> _WHAT YOU ARE ASKED TO DO_: Would you please copy the part of the material below that opens with the line containing "#130=IFCINDEXEDPOLYGONALFACE((1,5,6,2));" and closes with the line containing "#136=IFCSHAPEREPRESENTATION(#55,'Body','Tessellation',(#135));"? Copy it exactly, and only it.

> _EXERCISE INPUT_:
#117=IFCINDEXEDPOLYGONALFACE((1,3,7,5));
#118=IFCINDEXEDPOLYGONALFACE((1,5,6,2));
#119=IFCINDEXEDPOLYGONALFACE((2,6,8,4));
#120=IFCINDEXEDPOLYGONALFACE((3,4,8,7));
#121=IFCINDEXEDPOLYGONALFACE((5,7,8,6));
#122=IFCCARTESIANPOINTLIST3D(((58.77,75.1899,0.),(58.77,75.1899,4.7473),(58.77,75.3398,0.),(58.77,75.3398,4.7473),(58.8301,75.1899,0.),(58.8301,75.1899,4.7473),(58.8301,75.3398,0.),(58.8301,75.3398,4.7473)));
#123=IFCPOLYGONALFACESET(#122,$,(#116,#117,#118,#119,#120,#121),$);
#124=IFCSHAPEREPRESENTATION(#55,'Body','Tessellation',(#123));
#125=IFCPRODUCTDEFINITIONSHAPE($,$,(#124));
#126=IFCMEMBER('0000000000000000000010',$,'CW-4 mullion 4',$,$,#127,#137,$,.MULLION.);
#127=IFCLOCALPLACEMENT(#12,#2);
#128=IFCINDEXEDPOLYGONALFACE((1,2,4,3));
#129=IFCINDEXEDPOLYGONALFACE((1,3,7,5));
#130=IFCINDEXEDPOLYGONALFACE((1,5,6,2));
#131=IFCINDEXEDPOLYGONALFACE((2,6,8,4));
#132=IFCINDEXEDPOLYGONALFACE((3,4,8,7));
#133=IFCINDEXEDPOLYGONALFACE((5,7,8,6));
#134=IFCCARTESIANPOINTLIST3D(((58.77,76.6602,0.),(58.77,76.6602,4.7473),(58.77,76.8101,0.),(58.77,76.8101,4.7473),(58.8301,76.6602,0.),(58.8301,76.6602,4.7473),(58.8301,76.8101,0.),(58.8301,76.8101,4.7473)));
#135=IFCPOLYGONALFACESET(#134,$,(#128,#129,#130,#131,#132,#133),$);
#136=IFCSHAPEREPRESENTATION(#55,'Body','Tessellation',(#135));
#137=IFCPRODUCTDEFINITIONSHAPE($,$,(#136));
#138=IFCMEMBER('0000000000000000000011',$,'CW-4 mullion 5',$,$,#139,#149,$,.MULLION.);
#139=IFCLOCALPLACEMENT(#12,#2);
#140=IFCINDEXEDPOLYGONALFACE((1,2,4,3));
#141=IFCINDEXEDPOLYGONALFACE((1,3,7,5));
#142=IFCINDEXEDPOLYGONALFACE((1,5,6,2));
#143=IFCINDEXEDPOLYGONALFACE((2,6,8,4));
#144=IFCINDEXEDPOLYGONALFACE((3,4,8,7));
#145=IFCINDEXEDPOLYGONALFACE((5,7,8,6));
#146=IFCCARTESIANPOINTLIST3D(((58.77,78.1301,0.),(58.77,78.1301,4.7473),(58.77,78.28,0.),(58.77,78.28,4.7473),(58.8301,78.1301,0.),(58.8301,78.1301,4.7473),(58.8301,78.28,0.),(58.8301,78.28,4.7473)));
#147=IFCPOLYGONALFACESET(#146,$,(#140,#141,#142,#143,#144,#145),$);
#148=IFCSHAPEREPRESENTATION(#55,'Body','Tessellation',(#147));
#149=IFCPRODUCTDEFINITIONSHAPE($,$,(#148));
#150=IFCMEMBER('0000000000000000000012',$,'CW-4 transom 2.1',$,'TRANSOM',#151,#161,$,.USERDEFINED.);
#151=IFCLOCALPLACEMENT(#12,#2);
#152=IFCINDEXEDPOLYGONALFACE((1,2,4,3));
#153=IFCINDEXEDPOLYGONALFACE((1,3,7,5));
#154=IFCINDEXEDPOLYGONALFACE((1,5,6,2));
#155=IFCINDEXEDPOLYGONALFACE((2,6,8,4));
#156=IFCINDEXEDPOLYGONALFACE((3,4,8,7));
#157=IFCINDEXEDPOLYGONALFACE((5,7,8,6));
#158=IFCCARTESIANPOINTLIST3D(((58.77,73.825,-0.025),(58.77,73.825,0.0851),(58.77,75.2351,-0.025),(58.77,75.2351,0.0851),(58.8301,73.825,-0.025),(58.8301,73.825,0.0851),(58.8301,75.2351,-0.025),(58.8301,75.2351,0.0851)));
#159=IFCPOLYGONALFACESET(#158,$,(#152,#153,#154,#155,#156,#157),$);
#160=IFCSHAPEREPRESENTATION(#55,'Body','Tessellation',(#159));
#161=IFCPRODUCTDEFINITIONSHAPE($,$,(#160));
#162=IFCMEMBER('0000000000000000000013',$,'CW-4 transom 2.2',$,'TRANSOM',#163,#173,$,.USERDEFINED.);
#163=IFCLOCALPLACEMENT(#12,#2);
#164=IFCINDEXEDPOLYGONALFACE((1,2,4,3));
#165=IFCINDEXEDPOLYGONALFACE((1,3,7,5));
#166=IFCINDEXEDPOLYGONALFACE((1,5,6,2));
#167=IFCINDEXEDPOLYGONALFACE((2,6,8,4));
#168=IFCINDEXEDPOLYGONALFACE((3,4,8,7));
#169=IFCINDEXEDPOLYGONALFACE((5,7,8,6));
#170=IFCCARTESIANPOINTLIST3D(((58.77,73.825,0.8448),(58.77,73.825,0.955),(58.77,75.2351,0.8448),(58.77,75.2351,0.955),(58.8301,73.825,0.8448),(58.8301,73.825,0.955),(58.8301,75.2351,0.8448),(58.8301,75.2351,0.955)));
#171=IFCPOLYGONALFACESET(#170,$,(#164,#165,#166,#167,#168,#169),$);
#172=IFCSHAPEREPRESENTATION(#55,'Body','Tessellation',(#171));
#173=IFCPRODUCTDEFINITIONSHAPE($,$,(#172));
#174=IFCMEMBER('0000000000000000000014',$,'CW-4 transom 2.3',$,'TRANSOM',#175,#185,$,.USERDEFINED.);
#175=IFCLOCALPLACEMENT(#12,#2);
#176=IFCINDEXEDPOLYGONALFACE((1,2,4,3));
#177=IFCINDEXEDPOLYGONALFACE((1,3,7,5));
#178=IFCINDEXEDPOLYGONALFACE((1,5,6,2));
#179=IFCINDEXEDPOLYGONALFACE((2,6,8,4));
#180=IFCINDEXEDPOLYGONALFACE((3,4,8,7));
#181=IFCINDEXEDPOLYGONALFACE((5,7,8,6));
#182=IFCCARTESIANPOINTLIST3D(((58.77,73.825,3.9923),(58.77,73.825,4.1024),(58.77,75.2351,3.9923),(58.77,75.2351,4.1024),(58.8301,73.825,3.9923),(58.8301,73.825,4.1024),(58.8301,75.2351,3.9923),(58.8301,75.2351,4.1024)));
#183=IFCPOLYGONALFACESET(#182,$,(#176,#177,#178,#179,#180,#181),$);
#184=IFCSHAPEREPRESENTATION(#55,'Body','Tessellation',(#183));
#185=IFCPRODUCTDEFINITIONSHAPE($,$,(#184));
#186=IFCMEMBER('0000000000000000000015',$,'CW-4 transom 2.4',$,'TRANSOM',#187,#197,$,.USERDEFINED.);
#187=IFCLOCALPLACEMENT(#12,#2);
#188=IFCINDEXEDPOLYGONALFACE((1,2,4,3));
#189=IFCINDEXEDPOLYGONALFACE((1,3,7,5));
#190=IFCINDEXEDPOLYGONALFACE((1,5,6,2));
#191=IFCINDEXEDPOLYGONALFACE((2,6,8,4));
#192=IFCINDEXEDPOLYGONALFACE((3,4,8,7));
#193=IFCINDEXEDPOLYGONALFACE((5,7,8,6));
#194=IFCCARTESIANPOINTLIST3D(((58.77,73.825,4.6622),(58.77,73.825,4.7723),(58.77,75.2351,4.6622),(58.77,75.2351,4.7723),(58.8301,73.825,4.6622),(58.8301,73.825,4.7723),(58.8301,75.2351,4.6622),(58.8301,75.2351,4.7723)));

> _REPLY_:
#130=IFCINDEXEDPOLYGONALFACE((1,5,6,2));
#131=IFCINDEXEDPOLYGONALFACE((2,6,8,4));
#132=IFCINDEXEDPOLYGONALFACE((3,4,8,7));
#133=IFCINDEXEDPOLYGONALFACE((5,7,8,6));
#134=IFCCARTESIANPOINTLIST3D(((58.77,76.6602,0.),(58.77,76.6602,4.7473),(58.77,76.8101,0.),(58.77,76.8101,4.7473),(58.8301,76.6602,0.),(58.8301,76.6602,4.7473),(58.8301,76.8101,0.),(58.8301,76.8101,4.7473)));
#135=IFCPOLYGONALFACESET(#134,$,(#128,#129,#130,#131,#132,#133),$);
#136=IFCSHAPEREPRESENTATION(#55,'Body','Tessellation',(#135));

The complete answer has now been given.